Activity:
Nothing after the line containing "site_placement = place(None, origin())" belongs in the answer; write out exactly every line from the start of the material up to it, including it.
----
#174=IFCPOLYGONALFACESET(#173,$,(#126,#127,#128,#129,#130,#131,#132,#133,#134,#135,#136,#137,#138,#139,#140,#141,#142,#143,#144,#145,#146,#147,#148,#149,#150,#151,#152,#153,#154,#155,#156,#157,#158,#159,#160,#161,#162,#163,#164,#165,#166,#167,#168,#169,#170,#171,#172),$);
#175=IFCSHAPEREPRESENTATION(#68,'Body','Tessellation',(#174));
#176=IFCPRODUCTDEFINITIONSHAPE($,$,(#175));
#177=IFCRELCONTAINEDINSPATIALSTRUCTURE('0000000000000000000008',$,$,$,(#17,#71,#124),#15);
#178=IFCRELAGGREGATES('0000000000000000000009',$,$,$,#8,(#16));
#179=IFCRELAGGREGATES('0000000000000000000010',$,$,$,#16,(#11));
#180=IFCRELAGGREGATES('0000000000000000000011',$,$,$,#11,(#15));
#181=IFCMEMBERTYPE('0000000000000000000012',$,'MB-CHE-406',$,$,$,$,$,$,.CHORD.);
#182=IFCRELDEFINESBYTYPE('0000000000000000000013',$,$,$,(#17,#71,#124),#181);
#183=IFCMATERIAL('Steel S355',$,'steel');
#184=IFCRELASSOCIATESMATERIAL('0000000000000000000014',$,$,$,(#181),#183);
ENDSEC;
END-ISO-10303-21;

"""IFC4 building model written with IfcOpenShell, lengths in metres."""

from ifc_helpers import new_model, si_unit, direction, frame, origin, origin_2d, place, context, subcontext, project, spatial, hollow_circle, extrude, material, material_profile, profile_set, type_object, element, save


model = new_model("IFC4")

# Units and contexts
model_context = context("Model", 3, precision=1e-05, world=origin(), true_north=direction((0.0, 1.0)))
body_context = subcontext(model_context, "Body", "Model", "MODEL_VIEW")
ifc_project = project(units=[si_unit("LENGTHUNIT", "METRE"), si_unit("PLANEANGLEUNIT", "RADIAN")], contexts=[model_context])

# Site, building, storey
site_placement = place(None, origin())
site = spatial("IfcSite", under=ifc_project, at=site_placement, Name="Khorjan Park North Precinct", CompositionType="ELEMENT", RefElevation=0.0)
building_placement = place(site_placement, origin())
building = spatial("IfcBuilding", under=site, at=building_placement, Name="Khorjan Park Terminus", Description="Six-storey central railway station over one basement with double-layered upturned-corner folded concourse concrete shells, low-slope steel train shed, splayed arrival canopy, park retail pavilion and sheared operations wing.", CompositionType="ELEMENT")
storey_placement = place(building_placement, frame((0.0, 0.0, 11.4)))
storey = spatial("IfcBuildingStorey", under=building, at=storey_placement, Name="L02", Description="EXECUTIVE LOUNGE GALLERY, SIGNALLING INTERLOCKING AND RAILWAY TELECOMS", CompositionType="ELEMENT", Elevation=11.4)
----
Completed task:
#174=IFCPOLYGONALFACESET(#173,$,(#126,#127,#128,#129,#130,#131,#132,#133,#134,#135,#136,#137,#138,#139,#140,#141,#142,#143,#144,#145,#146,#147,#148,#149,#150,#151,#152,#153,#154,#155,#156,#157,#158,#159,#160,#161,#162,#163,#164,#165,#166,#167,#168,#169,#170,#171,#172),$);
#175=IFCSHAPEREPRESENTATION(#68,'Body','Tessellation',(#174));
#176=IFCPRODUCTDEFINITIONSHAPE($,$,(#175));
#177=IFCRELCONTAINEDINSPATIALSTRUCTURE('0000000000000000000008',$,$,$,(#17,#71,#124),#15);
#178=IFCRELAGGREGATES('0000000000000000000009',$,$,$,#8,(#16));
#179=IFCRELAGGREGATES('0000000000000000000010',$,$,$,#16,(#11));
#180=IFCRELAGGREGATES('0000000000000000000011',$,$,$,#11,(#15));
#181=IFCMEMBERTYPE('0000000000000000000012',$,'MB-CHE-406',$,$,$,$,$,$,.CHORD.);
#182=IFCRELDEFINESBYTYPE('0000000000000000000013',$,$,$,(#17,#71,#124),#181);
#183=IFCMATERIAL('Steel S355',$,'steel');
#184=IFCRELASSOCIATESMATERIAL('0000000000000000000014',$,$,$,(#181),#183);
ENDSEC;
END-ISO-10303-21;

"""IFC4 building model written with IfcOpenShell, lengths in metres."""

from ifc_helpers import new_model, si_unit, direction, frame, origin, origin_2d, place, context, subcontext, project, spatial, hollow_circle, extrude, material, material_profile, profile_set, type_object, element, save


model = new_model("IFC4")

# Units and contexts
model_context = context("Model", 3, precision=1e-05, world=origin(), true_north=direction((0.0, 1.0)))
body_context = subcontext(model_context, "Body", "Model", "MODEL_VIEW")
ifc_project = project(units=[si_unit("LENGTHUNIT", "METRE"), si_unit("PLANEANGLEUNIT", "RADIAN")], contexts=[model_context])

# Site, building, storey
site_placement = place(None, origin())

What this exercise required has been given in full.